**REQUIRED WORK**
Each line in the listing below that contains "direction" should be returned.

DATA FOR PROCESSING section start

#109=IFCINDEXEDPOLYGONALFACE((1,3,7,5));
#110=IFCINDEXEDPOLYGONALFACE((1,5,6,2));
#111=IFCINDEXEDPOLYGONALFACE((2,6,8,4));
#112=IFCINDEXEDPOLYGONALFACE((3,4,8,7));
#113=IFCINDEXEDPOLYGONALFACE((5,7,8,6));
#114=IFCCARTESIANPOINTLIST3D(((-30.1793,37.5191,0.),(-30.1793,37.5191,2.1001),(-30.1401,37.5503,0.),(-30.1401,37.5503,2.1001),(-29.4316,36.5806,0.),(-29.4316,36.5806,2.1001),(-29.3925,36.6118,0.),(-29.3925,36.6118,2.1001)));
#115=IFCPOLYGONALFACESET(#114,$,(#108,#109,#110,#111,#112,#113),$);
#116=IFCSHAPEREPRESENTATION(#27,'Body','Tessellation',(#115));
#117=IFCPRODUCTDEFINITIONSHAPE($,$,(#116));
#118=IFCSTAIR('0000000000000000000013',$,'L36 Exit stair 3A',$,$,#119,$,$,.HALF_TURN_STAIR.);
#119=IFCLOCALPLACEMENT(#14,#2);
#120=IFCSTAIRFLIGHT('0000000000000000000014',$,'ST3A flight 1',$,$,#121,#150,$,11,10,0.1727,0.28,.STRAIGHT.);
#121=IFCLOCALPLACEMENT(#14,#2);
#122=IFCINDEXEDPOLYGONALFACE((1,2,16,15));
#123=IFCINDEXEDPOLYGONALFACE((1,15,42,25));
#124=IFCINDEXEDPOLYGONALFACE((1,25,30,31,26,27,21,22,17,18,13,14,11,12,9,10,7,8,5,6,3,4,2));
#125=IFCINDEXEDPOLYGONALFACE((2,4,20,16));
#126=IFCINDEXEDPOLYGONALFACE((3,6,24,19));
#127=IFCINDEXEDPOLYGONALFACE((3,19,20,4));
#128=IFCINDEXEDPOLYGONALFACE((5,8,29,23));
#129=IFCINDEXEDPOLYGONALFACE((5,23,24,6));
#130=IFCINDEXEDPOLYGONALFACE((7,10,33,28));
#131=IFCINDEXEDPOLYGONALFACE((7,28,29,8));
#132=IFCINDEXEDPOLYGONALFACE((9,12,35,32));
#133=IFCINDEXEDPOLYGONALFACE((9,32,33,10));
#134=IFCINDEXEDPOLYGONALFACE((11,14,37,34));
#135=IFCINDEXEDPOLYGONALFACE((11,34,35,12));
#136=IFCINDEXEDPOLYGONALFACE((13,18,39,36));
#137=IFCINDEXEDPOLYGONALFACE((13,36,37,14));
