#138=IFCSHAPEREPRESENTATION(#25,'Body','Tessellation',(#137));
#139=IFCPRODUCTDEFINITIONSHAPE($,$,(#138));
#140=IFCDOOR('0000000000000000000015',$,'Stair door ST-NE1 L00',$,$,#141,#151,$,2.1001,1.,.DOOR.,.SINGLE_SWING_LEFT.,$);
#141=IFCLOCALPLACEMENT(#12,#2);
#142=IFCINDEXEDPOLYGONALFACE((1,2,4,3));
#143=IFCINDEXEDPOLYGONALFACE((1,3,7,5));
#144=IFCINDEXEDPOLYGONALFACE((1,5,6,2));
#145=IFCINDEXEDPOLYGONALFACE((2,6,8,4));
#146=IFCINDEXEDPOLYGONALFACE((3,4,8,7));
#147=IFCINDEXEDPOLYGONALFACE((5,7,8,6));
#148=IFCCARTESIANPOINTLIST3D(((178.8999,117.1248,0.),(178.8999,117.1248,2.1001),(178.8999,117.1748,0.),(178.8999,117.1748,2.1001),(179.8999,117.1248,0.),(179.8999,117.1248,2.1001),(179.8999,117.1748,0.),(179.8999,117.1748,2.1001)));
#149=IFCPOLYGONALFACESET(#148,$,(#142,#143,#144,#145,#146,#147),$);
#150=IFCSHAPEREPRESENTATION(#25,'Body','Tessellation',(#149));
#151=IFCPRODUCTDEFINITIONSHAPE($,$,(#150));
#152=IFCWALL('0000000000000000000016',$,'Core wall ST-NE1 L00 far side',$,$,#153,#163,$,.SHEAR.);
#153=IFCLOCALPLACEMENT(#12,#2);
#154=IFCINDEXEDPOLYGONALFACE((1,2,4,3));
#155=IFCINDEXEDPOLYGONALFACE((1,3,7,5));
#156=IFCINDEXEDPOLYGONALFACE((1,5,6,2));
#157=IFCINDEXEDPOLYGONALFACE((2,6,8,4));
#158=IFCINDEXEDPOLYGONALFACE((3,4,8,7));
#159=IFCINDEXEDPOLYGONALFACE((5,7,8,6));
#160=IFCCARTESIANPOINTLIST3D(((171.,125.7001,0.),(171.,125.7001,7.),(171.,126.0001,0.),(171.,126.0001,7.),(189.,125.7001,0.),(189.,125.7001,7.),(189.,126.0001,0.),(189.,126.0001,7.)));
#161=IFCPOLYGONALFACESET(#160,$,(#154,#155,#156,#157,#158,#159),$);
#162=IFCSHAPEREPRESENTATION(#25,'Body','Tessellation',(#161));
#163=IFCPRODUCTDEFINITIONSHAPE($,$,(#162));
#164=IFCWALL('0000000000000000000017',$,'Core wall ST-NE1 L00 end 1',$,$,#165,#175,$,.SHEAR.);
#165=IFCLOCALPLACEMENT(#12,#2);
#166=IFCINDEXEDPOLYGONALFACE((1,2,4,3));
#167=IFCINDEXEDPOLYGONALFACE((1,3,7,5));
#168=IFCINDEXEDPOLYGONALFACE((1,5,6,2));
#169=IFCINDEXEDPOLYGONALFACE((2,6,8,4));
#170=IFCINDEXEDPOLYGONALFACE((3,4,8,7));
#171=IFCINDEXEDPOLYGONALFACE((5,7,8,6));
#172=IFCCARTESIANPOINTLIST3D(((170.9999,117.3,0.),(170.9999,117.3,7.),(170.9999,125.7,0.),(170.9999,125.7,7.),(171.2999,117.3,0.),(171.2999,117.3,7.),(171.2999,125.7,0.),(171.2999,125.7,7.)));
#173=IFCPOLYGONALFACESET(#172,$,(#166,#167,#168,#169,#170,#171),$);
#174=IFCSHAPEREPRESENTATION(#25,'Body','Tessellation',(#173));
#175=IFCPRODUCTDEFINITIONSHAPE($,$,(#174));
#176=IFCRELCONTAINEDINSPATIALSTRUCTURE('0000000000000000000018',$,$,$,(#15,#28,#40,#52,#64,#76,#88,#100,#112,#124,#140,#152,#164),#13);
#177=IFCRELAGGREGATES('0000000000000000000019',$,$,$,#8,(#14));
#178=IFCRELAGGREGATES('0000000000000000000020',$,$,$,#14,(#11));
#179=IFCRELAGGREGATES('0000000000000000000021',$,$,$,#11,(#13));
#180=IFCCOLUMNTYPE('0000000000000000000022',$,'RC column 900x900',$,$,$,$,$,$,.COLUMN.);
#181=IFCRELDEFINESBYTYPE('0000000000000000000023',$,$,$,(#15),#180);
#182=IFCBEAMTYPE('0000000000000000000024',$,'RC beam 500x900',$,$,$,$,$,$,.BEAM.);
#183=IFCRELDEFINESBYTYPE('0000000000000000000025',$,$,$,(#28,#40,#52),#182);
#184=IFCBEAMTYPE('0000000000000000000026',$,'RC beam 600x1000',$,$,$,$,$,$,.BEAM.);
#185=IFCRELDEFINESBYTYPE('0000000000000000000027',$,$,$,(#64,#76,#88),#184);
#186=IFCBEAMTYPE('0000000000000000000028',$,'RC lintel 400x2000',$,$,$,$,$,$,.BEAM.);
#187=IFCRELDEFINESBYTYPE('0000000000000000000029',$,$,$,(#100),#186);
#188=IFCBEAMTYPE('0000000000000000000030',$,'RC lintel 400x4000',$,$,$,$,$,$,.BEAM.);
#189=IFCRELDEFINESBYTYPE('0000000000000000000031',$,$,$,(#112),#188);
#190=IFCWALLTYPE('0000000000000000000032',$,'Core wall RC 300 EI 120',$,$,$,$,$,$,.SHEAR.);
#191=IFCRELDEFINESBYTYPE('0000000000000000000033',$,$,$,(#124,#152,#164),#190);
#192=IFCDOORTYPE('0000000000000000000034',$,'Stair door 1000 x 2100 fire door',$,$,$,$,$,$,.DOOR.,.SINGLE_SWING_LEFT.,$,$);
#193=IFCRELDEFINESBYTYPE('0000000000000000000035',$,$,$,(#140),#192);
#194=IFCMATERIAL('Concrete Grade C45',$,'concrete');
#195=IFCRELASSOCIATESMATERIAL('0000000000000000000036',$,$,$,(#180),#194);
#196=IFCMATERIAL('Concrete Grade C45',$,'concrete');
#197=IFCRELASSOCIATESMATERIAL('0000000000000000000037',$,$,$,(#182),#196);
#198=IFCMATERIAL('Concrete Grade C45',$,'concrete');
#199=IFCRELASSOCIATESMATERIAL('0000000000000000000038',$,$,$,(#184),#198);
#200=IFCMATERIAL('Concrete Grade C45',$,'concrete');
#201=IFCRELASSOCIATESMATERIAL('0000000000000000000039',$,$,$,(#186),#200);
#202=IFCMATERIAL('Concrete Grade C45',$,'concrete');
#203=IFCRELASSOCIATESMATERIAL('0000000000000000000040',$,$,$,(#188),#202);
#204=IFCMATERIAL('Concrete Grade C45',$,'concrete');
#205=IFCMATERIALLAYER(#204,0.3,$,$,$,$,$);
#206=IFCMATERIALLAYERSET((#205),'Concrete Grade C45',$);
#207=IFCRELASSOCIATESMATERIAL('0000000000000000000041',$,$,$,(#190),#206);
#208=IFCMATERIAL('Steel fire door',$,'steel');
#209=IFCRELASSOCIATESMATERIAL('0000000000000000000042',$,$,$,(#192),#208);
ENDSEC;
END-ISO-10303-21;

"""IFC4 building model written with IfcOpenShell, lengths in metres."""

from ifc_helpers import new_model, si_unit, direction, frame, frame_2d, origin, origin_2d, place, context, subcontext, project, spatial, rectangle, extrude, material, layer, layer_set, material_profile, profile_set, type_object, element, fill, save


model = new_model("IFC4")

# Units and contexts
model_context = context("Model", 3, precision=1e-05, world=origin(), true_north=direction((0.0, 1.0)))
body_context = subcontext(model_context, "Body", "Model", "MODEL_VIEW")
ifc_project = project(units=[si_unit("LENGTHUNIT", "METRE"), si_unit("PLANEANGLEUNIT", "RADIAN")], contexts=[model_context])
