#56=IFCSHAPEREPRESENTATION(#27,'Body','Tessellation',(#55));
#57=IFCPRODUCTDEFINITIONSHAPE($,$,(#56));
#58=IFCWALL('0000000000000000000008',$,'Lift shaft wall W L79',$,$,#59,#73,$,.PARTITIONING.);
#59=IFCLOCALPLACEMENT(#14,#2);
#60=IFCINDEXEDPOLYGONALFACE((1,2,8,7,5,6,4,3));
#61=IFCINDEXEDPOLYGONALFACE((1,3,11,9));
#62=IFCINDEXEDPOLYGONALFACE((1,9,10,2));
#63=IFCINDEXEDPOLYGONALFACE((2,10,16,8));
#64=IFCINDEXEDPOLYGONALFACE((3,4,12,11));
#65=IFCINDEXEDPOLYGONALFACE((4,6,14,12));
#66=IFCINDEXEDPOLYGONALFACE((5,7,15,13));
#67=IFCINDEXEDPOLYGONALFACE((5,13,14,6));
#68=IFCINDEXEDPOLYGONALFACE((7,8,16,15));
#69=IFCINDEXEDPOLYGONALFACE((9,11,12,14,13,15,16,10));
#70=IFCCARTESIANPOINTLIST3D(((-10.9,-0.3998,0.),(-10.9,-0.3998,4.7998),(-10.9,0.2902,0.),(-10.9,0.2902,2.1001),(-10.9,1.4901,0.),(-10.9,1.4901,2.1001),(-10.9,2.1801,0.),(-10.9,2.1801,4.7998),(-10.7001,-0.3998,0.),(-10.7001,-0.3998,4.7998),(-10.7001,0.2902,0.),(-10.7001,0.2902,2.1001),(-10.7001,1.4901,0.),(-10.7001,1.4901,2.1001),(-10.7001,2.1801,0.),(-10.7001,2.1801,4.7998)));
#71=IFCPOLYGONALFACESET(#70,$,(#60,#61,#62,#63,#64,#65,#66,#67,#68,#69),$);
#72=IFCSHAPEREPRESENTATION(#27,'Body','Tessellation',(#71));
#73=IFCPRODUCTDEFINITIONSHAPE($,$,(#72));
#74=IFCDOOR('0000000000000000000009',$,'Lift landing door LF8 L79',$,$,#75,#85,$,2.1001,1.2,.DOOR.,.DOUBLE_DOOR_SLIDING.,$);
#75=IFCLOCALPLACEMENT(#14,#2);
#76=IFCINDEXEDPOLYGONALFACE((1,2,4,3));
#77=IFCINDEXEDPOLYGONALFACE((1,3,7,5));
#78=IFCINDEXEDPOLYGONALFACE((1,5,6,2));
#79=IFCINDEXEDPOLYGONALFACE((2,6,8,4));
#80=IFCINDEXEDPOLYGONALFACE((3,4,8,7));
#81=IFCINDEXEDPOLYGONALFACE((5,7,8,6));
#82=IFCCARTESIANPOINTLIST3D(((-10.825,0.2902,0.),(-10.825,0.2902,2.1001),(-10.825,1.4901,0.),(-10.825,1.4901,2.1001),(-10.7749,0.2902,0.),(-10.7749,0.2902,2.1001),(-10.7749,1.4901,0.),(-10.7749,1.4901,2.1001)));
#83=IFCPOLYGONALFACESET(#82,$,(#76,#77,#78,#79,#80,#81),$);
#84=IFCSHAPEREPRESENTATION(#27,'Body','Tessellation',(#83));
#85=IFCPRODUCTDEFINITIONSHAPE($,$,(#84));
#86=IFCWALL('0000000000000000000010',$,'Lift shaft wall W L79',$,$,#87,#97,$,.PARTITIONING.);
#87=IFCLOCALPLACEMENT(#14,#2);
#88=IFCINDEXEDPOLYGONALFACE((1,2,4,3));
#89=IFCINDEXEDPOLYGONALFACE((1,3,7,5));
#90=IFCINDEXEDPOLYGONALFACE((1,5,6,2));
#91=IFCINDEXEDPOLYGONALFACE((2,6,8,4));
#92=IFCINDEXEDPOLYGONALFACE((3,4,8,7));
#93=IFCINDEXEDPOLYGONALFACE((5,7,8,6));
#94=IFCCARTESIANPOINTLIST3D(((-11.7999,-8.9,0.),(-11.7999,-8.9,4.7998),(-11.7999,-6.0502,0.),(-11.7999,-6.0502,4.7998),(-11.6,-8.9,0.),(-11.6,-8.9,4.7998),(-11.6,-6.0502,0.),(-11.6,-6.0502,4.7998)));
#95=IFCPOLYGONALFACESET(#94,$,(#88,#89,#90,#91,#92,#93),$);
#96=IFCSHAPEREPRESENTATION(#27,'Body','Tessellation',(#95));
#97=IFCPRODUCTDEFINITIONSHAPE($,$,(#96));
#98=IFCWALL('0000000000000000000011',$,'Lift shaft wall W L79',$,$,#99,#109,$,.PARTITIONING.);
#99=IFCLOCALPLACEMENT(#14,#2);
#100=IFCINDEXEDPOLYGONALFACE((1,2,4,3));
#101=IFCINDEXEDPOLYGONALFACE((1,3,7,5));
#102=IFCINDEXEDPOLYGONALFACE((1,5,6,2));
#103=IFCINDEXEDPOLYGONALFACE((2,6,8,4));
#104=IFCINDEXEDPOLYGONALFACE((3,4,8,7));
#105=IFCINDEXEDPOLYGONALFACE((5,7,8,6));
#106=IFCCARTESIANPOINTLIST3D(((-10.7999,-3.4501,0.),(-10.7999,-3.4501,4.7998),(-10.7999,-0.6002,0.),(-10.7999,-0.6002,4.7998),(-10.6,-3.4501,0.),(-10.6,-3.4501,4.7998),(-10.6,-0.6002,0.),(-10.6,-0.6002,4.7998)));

DATA FOR PROCESSING section end

**TASK OUTPUT**
from ifc_helpers import new_model, si_unit, direction, frame, frame_2d, origin, origin_2d, place, context, subcontext, project, spatial, rectangle, extrude, material, layer, layer_set, material_profile, profile_set, type_object, element, fill, save
model_context = context("Model", 3, precision=1e-05, world=origin(), true_north=direction((0.0, 1.0)))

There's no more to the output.